§ WHAT THE EXERCISE ASKS
Reproduce exactly the line that includes "#131=IFCINDEXEDPOLYGONALFACE((2,4,10,6));" and all lines after it, ending with the last line of the data.

Content starts

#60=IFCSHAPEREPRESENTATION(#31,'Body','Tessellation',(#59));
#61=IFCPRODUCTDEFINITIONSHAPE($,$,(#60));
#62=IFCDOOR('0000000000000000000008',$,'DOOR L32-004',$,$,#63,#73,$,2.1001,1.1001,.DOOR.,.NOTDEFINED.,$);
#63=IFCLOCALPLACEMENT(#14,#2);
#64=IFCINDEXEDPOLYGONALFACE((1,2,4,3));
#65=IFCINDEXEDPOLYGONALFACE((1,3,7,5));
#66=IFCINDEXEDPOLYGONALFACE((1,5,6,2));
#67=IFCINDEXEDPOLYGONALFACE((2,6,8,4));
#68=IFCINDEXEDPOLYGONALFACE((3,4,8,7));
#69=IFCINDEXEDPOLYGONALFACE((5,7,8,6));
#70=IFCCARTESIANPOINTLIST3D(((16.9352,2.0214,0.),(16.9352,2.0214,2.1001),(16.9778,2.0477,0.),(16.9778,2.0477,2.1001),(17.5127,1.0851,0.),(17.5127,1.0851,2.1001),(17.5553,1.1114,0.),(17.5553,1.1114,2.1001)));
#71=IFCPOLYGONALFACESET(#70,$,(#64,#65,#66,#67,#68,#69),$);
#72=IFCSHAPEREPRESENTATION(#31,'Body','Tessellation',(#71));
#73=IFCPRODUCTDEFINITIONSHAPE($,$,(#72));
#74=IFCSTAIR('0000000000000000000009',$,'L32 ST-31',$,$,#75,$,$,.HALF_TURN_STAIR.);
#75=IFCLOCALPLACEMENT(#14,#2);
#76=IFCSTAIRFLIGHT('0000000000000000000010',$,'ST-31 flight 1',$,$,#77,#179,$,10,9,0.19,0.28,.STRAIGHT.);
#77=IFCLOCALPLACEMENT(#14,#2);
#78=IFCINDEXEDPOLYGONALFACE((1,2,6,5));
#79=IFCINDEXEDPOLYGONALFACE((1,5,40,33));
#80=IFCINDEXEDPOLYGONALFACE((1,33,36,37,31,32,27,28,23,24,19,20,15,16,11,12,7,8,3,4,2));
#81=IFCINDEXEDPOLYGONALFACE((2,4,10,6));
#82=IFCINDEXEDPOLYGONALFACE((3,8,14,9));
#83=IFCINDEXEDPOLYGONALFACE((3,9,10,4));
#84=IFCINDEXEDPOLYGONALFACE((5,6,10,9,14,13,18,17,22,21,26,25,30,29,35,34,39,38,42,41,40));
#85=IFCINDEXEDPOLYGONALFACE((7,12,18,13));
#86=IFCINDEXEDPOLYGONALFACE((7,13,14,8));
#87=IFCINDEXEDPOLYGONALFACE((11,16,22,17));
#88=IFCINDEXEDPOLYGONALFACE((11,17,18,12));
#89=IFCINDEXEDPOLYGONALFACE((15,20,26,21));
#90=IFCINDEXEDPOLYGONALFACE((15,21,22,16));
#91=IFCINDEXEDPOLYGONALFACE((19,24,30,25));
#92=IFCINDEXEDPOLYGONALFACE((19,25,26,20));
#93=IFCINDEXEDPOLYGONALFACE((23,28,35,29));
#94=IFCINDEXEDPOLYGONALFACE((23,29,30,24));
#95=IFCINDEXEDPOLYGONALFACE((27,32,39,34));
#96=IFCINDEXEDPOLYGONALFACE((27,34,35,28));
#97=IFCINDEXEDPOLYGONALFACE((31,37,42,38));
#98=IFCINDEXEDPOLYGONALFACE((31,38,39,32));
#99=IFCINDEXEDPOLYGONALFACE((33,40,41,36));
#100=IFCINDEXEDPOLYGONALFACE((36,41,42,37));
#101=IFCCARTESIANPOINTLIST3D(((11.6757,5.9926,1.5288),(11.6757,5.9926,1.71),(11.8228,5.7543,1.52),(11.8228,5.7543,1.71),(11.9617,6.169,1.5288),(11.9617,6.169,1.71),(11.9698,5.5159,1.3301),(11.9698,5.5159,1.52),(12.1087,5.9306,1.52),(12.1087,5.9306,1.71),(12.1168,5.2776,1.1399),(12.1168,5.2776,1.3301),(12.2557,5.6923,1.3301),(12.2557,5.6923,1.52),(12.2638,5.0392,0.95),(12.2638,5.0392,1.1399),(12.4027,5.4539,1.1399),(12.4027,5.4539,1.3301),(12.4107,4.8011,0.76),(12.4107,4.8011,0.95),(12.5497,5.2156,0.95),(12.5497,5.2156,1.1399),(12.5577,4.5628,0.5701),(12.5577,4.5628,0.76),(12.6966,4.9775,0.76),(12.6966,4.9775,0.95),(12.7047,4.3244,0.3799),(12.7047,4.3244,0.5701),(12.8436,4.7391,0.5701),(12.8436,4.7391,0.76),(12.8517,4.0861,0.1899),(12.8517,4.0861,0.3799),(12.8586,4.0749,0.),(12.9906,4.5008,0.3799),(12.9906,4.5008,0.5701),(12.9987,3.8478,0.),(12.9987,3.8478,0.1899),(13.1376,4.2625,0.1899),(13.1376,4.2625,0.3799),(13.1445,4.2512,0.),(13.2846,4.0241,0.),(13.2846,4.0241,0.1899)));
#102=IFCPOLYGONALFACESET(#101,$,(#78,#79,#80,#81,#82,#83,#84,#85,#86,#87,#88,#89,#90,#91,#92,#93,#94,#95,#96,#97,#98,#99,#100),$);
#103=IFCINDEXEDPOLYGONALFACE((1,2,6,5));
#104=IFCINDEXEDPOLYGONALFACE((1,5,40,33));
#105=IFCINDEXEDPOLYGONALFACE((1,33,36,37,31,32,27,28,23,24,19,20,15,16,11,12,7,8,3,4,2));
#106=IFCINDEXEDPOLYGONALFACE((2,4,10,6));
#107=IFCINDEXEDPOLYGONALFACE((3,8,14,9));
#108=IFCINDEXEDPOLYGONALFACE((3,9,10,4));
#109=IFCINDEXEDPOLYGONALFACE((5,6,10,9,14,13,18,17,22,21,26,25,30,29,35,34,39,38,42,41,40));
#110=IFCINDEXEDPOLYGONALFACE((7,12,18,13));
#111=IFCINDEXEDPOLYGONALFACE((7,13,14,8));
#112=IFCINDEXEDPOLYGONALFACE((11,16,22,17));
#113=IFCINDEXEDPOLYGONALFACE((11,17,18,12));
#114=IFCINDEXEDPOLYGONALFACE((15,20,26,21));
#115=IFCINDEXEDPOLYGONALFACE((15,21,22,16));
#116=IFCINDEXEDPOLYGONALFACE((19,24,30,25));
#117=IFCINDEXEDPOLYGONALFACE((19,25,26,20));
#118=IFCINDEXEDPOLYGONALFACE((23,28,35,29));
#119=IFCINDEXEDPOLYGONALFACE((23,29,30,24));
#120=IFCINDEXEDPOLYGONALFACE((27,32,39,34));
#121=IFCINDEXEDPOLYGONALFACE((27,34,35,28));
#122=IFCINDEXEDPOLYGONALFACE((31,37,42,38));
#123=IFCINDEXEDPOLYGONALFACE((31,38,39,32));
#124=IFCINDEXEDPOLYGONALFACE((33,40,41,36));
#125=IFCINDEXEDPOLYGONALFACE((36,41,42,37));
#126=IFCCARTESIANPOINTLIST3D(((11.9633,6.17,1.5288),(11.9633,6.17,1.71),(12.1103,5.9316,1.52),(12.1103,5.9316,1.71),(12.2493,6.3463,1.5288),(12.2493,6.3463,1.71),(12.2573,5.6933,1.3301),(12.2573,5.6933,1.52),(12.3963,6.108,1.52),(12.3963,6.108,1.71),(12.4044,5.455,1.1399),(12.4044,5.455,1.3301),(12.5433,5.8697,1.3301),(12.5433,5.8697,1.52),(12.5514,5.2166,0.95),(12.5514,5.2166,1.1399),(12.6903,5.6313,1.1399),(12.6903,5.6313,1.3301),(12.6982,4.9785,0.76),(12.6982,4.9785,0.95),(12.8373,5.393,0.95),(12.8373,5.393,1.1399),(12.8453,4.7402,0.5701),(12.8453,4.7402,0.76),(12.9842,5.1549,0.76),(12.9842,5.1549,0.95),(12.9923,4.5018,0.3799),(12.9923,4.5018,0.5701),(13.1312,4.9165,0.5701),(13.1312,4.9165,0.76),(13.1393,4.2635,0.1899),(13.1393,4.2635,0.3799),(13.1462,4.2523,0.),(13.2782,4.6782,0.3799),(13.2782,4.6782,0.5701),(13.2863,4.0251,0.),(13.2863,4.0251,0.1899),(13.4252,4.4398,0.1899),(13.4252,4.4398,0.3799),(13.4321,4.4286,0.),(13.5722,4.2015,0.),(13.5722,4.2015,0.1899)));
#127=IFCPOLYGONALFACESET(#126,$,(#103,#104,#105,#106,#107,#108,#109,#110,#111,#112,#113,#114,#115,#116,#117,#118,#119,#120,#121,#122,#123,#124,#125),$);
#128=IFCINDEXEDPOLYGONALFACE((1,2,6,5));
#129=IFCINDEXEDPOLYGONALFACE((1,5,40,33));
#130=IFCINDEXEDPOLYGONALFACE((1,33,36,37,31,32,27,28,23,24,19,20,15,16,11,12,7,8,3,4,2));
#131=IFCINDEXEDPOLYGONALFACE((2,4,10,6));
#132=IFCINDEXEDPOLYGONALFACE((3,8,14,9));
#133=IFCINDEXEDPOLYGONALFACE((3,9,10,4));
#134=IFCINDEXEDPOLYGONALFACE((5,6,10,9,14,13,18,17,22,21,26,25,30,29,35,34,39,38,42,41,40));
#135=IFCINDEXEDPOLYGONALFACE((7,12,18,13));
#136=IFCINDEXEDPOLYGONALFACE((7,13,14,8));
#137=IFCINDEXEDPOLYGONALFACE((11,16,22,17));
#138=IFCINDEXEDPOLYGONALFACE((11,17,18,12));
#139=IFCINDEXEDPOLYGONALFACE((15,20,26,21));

Content ends

§ THE COMPLETED TASK
#131=IFCINDEXEDPOLYGONALFACE((2,4,10,6));
#132=IFCINDEXEDPOLYGONALFACE((3,8,14,9));
#133=IFCINDEXEDPOLYGONALFACE((3,9,10,4));
#134=IFCINDEXEDPOLYGONALFACE((5,6,10,9,14,13,18,17,22,21,26,25,30,29,35,34,39,38,42,41,40));
#135=IFCINDEXEDPOLYGONALFACE((7,12,18,13));
#136=IFCINDEXEDPOLYGONALFACE((7,13,14,8));
#137=IFCINDEXEDPOLYGONALFACE((11,16,22,17));
#138=IFCINDEXEDPOLYGONALFACE((11,17,18,12));
#139=IFCINDEXEDPOLYGONALFACE((15,20,26,21));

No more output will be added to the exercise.